**Your goal**
From the first line to the last, print the data exactly as written.

**Input material**

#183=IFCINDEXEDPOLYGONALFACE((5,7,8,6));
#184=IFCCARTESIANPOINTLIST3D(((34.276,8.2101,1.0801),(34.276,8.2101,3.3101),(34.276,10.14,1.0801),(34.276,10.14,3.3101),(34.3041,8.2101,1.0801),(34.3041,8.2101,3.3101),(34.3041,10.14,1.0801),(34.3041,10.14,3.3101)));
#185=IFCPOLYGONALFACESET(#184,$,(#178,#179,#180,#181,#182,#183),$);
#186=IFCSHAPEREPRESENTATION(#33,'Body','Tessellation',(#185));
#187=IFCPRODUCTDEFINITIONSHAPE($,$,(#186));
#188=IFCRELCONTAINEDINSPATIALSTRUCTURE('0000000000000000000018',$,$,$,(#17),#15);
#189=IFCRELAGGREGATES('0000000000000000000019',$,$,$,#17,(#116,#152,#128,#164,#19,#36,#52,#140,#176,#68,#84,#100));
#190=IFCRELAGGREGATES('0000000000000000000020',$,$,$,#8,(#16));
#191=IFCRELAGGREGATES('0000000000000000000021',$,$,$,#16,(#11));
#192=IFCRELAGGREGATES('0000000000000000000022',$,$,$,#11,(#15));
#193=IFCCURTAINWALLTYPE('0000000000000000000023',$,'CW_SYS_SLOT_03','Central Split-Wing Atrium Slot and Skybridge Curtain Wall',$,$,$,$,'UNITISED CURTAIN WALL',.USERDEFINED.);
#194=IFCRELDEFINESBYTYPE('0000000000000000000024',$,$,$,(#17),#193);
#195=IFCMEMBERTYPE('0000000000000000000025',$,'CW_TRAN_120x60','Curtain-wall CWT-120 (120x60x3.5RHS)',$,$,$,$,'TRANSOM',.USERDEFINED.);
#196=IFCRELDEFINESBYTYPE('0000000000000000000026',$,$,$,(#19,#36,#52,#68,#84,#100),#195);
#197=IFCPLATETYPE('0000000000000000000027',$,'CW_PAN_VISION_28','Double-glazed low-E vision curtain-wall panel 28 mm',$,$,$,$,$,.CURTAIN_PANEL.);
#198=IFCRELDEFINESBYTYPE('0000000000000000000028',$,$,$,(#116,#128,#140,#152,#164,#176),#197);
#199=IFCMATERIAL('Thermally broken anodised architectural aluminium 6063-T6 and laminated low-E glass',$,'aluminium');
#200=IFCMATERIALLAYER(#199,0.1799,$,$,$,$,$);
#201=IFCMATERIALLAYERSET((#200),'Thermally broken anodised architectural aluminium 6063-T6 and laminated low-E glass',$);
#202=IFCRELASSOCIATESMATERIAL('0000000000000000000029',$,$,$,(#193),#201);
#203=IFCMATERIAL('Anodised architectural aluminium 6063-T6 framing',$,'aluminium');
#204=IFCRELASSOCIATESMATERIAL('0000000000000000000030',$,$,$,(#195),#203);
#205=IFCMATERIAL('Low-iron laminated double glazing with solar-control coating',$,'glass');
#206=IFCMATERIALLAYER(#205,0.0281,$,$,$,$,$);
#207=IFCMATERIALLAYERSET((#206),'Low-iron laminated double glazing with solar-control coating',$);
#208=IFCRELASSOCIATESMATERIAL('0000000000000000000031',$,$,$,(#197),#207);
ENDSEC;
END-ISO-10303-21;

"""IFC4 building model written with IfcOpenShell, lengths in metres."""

**Answer box**
#183=IFCINDEXEDPOLYGONALFACE((5,7,8,6));
#184=IFCCARTESIANPOINTLIST3D(((34.276,8.2101,1.0801),(34.276,8.2101,3.3101),(34.276,10.14,1.0801),(34.276,10.14,3.3101),(34.3041,8.2101,1.0801),(34.3041,8.2101,3.3101),(34.3041,10.14,1.0801),(34.3041,10.14,3.3101)));
#185=IFCPOLYGONALFACESET(#184,$,(#178,#179,#180,#181,#182,#183),$);
#186=IFCSHAPEREPRESENTATION(#33,'Body','Tessellation',(#185));
#187=IFCPRODUCTDEFINITIONSHAPE($,$,(#186));
#188=IFCRELCONTAINEDINSPATIALSTRUCTURE('0000000000000000000018',$,$,$,(#17),#15);
#189=IFCRELAGGREGATES('0000000000000000000019',$,$,$,#17,(#116,#152,#128,#164,#19,#36,#52,#140,#176,#68,#84,#100));
#190=IFCRELAGGREGATES('0000000000000000000020',$,$,$,#8,(#16));
#191=IFCRELAGGREGATES('0000000000000000000021',$,$,$,#16,(#11));
#192=IFCRELAGGREGATES('0000000000000000000022',$,$,$,#11,(#15));
#193=IFCCURTAINWALLTYPE('0000000000000000000023',$,'CW_SYS_SLOT_03','Central Split-Wing Atrium Slot and Skybridge Curtain Wall',$,$,$,$,'UNITISED CURTAIN WALL',.USERDEFINED.);
#194=IFCRELDEFINESBYTYPE('0000000000000000000024',$,$,$,(#17),#193);
#195=IFCMEMBERTYPE('0000000000000000000025',$,'CW_TRAN_120x60','Curtain-wall CWT-120 (120x60x3.5RHS)',$,$,$,$,'TRANSOM',.USERDEFINED.);
#196=IFCRELDEFINESBYTYPE('0000000000000000000026',$,$,$,(#19,#36,#52,#68,#84,#100),#195);
#197=IFCPLATETYPE('0000000000000000000027',$,'CW_PAN_VISION_28','Double-glazed low-E vision curtain-wall panel 28 mm',$,$,$,$,$,.CURTAIN_PANEL.);
#198=IFCRELDEFINESBYTYPE('0000000000000000000028',$,$,$,(#116,#128,#140,#152,#164,#176),#197);
#199=IFCMATERIAL('Thermally broken anodised architectural aluminium 6063-T6 and laminated low-E glass',$,'aluminium');
#200=IFCMATERIALLAYER(#199,0.1799,$,$,$,$,$);
#201=IFCMATERIALLAYERSET((#200),'Thermally broken anodised architectural aluminium 6063-T6 and laminated low-E glass',$);
#202=IFCRELASSOCIATESMATERIAL('0000000000000000000029',$,$,$,(#193),#201);
#203=IFCMATERIAL('Anodised architectural aluminium 6063-T6 framing',$,'aluminium');
#204=IFCRELASSOCIATESMATERIAL('0000000000000000000030',$,$,$,(#195),#203);
#205=IFCMATERIAL('Low-iron laminated double glazing with solar-control coating',$,'glass');
#206=IFCMATERIALLAYER(#205,0.0281,$,$,$,$,$);
#207=IFCMATERIALLAYERSET((#206),'Low-iron laminated double glazing with solar-control coating',$);
#208=IFCRELASSOCIATESMATERIAL('0000000000000000000031',$,$,$,(#197),#207);
ENDSEC;
END-ISO-10303-21;

"""IFC4 building model written with IfcOpenShell, lengths in metres."""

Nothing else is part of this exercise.